*** Material to process Section Begins ***

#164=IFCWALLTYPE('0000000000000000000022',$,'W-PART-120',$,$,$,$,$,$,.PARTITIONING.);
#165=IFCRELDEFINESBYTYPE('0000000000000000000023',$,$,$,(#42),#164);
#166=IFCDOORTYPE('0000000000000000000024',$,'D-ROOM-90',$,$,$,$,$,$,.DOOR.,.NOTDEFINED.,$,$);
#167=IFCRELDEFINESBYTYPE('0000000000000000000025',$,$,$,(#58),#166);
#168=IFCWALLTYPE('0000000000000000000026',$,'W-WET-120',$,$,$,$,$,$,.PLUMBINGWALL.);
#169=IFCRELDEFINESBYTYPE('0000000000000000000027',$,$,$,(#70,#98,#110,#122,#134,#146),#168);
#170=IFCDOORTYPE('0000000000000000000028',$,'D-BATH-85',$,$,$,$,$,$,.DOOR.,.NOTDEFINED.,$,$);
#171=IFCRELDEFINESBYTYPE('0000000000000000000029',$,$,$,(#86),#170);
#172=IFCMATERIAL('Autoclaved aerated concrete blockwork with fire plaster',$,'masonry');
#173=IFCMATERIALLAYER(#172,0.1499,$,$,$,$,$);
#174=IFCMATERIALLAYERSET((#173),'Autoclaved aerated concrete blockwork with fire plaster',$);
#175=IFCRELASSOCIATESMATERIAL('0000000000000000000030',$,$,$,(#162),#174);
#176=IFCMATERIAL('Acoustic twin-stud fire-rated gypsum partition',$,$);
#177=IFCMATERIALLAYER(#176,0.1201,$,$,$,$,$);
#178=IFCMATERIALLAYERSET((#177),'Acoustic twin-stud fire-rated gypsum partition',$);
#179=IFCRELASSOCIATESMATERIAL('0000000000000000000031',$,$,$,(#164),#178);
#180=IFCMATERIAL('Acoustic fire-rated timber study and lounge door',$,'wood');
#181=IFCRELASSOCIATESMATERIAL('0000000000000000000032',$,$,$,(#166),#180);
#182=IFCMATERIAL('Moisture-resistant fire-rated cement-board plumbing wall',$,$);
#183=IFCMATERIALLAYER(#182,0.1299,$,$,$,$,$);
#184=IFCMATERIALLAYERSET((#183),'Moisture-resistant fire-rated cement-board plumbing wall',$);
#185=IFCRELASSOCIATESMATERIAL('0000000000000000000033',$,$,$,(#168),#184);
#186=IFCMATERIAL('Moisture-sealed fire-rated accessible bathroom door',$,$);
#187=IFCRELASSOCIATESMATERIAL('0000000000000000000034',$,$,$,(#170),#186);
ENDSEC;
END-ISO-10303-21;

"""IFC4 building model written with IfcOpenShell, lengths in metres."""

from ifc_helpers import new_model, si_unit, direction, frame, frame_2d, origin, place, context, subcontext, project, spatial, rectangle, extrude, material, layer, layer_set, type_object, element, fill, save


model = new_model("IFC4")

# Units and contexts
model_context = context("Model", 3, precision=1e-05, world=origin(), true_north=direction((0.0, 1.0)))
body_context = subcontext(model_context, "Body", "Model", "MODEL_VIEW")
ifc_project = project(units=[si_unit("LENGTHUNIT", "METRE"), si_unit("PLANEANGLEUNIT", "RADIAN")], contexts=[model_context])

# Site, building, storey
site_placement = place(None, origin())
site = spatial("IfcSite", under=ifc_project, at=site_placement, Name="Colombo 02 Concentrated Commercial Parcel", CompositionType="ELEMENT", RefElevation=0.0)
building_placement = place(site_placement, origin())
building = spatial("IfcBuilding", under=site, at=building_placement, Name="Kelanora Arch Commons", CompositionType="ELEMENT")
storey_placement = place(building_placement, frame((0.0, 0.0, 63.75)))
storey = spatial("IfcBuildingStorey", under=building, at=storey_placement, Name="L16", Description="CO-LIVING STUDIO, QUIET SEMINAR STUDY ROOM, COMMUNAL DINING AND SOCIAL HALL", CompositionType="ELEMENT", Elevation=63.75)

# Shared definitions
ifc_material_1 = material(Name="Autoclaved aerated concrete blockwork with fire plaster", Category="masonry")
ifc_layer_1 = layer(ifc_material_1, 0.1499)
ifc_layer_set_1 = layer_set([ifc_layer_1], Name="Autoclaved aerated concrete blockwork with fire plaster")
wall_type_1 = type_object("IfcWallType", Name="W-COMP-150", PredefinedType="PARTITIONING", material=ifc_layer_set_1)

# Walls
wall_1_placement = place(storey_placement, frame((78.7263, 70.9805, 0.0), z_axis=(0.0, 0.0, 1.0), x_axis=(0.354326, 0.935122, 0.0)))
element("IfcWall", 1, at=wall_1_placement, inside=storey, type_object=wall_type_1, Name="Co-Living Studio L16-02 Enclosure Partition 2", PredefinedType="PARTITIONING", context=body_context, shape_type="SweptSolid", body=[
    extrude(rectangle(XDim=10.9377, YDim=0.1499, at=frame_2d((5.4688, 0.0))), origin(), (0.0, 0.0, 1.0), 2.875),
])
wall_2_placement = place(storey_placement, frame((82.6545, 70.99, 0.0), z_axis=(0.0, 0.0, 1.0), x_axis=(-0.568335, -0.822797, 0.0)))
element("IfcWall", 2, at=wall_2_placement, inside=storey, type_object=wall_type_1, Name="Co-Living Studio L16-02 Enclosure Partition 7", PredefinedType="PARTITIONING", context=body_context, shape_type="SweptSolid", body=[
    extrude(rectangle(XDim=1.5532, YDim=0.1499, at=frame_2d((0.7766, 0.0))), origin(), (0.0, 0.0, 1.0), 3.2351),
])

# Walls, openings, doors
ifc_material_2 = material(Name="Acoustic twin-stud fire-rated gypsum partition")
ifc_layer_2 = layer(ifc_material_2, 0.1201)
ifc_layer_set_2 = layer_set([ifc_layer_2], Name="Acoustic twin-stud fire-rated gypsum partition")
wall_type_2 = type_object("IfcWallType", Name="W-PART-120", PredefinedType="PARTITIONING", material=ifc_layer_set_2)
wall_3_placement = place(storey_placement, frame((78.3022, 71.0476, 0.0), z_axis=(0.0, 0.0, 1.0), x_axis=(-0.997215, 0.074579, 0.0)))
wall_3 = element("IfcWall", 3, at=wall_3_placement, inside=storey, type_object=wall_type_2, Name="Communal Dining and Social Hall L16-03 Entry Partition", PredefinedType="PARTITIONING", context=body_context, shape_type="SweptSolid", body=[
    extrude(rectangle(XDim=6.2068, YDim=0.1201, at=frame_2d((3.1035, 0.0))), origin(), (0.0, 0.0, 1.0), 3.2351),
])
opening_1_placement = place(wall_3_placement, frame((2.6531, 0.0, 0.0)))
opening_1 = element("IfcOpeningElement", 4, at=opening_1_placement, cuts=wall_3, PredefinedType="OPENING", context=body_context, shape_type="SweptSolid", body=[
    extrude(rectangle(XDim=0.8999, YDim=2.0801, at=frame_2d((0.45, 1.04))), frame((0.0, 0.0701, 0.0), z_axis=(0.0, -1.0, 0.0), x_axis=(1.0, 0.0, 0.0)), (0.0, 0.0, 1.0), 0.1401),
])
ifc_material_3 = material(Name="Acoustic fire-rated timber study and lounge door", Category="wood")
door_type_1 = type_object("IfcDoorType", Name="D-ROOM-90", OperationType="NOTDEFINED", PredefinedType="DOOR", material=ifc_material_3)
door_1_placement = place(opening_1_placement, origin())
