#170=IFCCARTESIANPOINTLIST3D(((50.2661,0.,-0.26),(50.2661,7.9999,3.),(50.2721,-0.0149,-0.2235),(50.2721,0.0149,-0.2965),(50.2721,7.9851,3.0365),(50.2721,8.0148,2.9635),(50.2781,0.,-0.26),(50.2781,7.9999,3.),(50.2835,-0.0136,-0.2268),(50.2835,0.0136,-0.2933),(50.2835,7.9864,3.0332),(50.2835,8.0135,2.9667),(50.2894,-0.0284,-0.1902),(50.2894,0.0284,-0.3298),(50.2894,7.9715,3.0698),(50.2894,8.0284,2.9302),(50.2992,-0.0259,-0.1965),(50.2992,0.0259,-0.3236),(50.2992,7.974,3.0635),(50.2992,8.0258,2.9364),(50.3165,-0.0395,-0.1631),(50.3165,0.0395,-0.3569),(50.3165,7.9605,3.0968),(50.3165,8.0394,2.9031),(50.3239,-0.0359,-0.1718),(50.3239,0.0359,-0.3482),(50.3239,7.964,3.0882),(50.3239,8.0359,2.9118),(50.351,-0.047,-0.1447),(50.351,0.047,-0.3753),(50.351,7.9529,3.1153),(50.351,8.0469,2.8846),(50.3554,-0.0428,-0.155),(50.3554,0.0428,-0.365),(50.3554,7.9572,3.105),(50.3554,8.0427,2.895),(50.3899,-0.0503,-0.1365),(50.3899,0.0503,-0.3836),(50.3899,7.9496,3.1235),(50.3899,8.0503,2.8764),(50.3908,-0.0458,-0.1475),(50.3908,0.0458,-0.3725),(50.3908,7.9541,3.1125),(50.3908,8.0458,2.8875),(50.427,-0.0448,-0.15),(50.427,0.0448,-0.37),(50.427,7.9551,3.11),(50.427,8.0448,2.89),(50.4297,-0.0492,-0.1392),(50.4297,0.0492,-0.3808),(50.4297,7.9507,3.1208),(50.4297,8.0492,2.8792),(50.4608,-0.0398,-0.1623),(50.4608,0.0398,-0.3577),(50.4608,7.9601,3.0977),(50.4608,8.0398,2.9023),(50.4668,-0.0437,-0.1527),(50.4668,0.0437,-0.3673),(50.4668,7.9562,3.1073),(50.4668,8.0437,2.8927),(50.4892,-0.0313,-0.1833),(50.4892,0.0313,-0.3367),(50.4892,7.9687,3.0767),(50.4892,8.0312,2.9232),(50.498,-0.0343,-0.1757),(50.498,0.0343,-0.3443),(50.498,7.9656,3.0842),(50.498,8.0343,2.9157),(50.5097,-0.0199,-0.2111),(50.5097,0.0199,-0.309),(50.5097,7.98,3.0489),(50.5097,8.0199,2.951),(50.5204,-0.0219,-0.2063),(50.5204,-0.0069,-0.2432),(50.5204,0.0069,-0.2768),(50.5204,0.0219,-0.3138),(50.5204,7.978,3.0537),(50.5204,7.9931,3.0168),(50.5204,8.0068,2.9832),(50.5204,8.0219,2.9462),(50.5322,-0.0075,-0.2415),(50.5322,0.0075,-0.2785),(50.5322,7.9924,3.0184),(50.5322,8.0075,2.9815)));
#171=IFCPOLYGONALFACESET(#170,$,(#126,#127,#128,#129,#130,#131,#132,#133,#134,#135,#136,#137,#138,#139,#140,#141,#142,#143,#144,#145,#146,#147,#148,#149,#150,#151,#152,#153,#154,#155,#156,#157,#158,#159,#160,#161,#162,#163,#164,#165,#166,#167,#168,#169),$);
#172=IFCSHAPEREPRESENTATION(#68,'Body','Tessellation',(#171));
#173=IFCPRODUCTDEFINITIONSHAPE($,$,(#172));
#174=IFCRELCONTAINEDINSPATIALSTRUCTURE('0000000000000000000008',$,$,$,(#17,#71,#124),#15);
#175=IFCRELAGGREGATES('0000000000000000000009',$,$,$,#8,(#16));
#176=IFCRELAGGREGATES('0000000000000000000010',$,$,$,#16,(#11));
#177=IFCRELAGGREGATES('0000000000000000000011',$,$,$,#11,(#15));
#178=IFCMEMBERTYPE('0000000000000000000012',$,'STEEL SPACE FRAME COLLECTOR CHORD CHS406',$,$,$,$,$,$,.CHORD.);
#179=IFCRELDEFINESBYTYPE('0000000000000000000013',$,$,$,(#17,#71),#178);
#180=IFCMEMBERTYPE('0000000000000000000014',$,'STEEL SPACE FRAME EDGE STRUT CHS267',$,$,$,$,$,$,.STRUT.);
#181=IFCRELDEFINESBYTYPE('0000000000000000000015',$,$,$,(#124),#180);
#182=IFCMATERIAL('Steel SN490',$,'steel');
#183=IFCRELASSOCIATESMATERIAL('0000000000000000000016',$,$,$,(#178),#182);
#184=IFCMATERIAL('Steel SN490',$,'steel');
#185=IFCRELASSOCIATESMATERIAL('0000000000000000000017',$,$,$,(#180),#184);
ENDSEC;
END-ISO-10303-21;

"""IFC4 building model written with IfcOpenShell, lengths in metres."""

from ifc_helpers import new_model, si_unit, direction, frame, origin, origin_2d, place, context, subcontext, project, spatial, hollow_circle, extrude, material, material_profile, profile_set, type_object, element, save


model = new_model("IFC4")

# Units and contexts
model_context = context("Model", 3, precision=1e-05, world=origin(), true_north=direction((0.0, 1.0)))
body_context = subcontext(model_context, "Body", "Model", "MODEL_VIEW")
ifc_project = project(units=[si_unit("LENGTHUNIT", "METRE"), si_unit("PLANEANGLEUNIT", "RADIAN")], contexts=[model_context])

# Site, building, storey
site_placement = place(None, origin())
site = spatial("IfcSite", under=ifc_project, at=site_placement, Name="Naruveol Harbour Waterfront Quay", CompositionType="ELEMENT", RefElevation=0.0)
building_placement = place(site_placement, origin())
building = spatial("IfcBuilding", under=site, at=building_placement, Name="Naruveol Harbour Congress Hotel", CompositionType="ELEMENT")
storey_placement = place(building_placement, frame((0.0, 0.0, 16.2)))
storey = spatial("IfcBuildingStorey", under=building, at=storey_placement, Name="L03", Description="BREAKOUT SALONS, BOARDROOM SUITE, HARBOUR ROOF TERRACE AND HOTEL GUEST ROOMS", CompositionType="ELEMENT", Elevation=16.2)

*** Material to process Section Ends ***

Work request: Pull out the lines above in which the word "YDim" appears.

Exercise output:
    extrude(rectangle(XDim=10.9377, YDim=0.1499, at=frame_2d((5.4688, 0.0))), origin(), (0.0, 0.0, 1.0), 2.875),
    extrude(rectangle(XDim=1.5532, YDim=0.1499, at=frame_2d((0.7766, 0.0))), origin(), (0.0, 0.0, 1.0), 3.2351),
    extrude(rectangle(XDim=6.2068, YDim=0.1201, at=frame_2d((3.1035, 0.0))), origin(), (0.0, 0.0, 1.0), 3.2351),
    extrude(rectangle(XDim=0.8999, YDim=2.0801, at=frame_2d((0.45, 1.04))), frame((0.0, 0.0701, 0.0), z_axis=(0.0, -1.0, 0.0), x_axis=(1.0, 0.0, 0.0)), (0.0, 0.0, 1.0), 0.1401),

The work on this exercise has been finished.